The problem: Which lines run from the line with "#33=IFCINDEXEDPOLYGONALFACE((1,3,11,9,7,5));" through the line with "#52=IFCMATERIALLAYERSET((#51),'EW-300 BRICK WALL',$);" in the entries below? Print them exactly, both ends included, and nothing more.

*** Opening of Records provided ***

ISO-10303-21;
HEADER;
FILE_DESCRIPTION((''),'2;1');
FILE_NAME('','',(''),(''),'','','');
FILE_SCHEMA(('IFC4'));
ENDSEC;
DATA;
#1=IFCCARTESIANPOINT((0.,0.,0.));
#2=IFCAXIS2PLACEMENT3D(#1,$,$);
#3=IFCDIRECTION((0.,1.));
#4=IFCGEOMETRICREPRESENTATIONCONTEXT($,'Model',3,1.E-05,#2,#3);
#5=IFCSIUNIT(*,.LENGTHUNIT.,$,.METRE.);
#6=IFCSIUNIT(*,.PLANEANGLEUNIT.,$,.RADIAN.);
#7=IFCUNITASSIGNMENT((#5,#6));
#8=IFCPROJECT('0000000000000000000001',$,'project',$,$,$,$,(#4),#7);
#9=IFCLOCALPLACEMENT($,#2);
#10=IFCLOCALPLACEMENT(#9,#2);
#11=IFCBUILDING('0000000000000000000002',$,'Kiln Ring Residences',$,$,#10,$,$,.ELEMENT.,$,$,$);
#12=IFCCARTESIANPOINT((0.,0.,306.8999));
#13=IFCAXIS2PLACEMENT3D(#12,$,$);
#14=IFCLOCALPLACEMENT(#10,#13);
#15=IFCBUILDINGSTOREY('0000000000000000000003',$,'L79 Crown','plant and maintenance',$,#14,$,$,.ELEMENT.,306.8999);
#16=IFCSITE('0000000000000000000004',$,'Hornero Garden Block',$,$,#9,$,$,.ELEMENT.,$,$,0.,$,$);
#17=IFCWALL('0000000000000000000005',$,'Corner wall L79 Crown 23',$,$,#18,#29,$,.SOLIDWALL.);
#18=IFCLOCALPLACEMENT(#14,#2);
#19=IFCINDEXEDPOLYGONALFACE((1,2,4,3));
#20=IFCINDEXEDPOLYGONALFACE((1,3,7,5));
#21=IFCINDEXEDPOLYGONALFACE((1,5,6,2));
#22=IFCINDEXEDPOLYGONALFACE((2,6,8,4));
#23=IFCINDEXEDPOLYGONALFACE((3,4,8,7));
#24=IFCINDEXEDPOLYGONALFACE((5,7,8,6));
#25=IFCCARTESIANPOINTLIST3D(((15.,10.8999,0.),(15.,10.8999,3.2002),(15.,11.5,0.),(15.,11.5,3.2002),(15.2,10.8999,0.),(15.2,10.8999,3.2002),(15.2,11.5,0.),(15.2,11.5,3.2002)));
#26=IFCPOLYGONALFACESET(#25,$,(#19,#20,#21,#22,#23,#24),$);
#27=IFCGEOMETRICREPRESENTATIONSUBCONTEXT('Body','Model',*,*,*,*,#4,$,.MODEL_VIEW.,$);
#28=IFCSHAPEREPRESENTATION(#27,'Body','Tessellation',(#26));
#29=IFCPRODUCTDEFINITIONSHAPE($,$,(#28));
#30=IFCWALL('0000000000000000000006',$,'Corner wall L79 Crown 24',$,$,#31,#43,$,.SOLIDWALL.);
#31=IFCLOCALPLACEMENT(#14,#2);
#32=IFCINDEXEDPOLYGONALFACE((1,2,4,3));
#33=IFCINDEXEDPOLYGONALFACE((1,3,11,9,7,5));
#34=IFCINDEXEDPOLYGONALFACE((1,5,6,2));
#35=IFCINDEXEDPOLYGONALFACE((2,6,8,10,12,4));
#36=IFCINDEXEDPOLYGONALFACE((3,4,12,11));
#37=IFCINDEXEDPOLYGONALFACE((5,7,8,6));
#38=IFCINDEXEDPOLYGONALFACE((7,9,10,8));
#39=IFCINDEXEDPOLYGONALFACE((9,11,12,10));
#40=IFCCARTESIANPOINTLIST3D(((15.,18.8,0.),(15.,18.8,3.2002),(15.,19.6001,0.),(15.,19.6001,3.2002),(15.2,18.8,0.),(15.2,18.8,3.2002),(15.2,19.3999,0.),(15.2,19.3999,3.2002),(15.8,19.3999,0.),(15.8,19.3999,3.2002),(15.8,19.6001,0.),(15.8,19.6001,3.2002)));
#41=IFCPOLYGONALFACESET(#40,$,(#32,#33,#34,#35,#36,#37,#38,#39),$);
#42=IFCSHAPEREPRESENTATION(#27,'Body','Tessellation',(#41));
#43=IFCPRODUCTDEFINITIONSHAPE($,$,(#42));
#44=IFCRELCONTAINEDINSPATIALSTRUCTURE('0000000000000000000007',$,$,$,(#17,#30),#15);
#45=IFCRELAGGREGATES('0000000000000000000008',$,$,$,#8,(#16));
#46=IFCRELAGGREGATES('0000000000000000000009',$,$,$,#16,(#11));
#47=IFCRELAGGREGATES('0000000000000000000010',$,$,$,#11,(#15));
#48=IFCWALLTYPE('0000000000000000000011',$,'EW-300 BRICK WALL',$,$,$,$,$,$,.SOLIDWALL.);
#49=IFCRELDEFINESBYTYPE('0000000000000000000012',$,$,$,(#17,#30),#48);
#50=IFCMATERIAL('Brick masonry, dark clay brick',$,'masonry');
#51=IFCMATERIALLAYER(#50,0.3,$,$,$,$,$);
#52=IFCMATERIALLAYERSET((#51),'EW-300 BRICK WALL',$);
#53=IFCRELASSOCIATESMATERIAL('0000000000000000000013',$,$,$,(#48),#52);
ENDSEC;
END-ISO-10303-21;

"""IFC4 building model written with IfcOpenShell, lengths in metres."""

from ifc_helpers import new_model, si_unit, direction, frame, origin, place, context, subcontext, project, spatial, polyline, outline, extrude, material, layer, layer_set, type_object, element, save


model = new_model("IFC4")

# Units and contexts
model_context = context("Model", 3, precision=1e-05, world=origin(), true_north=direction((0.0, 1.0)))
body_context = subcontext(model_context, "Body", "Model", "MODEL_VIEW")
ifc_project = project(units=[si_unit("LENGTHUNIT", "METRE"), si_unit("PLANEANGLEUNIT", "RADIAN")], contexts=[model_context])

# Site, building, storey
site_placement = place(None, origin())
site = spatial("IfcSite", under=ifc_project, at=site_placement, Name="Hornero Garden Block", CompositionType="ELEMENT", RefElevation=0.0)
building_placement = place(site_placement, origin())
building = spatial("IfcBuilding", under=site, at=building_placement, Name="Kiln Ring Residences", CompositionType="ELEMENT")
storey_placement = place(building_placement, frame((0.0, 0.0, 306.8999)))
storey = spatial("IfcBuildingStorey", under=building, at=storey_placement, Name="L79 Crown", Description="plant and maintenance", CompositionType="ELEMENT", Elevation=306.8999)

# Walls
ifc_material_1 = material(Name="Brick masonry, dark clay brick", Category="masonry")
ifc_layer_1 = layer(ifc_material_1, 0.3)
ifc_layer_set_1 = layer_set([ifc_layer_1], Name="EW-300 BRICK WALL")
wall_type_1 = type_object("IfcWallType", Name="EW-300 BRICK WALL", PredefinedType="SOLIDWALL", material=ifc_layer_set_1)
placement = place(storey_placement, origin())
element("IfcWall", 1, at=placement, inside=storey, type_object=wall_type_1, Name="Corner wall L79 Crown 23", PredefinedType="SOLIDWALL", context=body_context, shape_type="SweptSolid", body=[
    extrude(outline(polyline([(15.2, 11.5), (15.0, 11.5), (15.0, 10.8999), (15.2, 10.8999), (15.2, 11.5)])), origin(), (0.0, 0.0, 1.0), 3.2002),
])
element("IfcWall", 2, at=placement, inside=storey, type_object=wall_type_1, Name="Corner wall L79 Crown 24", PredefinedType="SOLIDWALL", context=body_context, shape_type="SweptSolid", body=[
    extrude(outline(polyline([(15.8, 19.6001), (15.0, 19.6001), (15.0, 18.8), (15.2, 18.8), (15.2, 19.3999), (15.8, 19.3999), (15.8, 19.6001)])), origin(), (0.0, 0.0, 1.0), 3.2002),
])

save(model, "model.ifc")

*** Close of Records provided ***

Task solution:
#33=IFCINDEXEDPOLYGONALFACE((1,3,11,9,7,5));
#34=IFCINDEXEDPOLYGONALFACE((1,5,6,2));
#35=IFCINDEXEDPOLYGONALFACE((2,6,8,10,12,4));
#36=IFCINDEXEDPOLYGONALFACE((3,4,12,11));
#37=IFCINDEXEDPOLYGONALFACE((5,7,8,6));
#38=IFCINDEXEDPOLYGONALFACE((7,9,10,8));
#39=IFCINDEXEDPOLYGONALFACE((9,11,12,10));
#40=IFCCARTESIANPOINTLIST3D(((15.,18.8,0.),(15.,18.8,3.2002),(15.,19.6001,0.),(15.,19.6001,3.2002),(15.2,18.8,0.),(15.2,18.8,3.2002),(15.2,19.3999,0.),(15.2,19.3999,3.2002),(15.8,19.3999,0.),(15.8,19.3999,3.2002),(15.8,19.6001,0.),(15.8,19.6001,3.2002)));
#41=IFCPOLYGONALFACESET(#40,$,(#32,#33,#34,#35,#36,#37,#38,#39),$);
#42=IFCSHAPEREPRESENTATION(#27,'Body','Tessellation',(#41));
#43=IFCPRODUCTDEFINITIONSHAPE($,$,(#42));
#44=IFCRELCONTAINEDINSPATIALSTRUCTURE('0000000000000000000007',$,$,$,(#17,#30),#15);
#45=IFCRELAGGREGATES('0000000000000000000008',$,$,$,#8,(#16));
#46=IFCRELAGGREGATES('0000000000000000000009',$,$,$,#16,(#11));
#47=IFCRELAGGREGATES('0000000000000000000010',$,$,$,#11,(#15));
#48=IFCWALLTYPE('0000000000000000000011',$,'EW-300 BRICK WALL',$,$,$,$,$,$,.SOLIDWALL.);
#49=IFCRELDEFINESBYTYPE('0000000000000000000012',$,$,$,(#17,#30),#48);
#50=IFCMATERIAL('Brick masonry, dark clay brick',$,'masonry');
#51=IFCMATERIALLAYER(#50,0.3,$,$,$,$,$);
#52=IFCMATERIALLAYERSET((#51),'EW-300 BRICK WALL',$);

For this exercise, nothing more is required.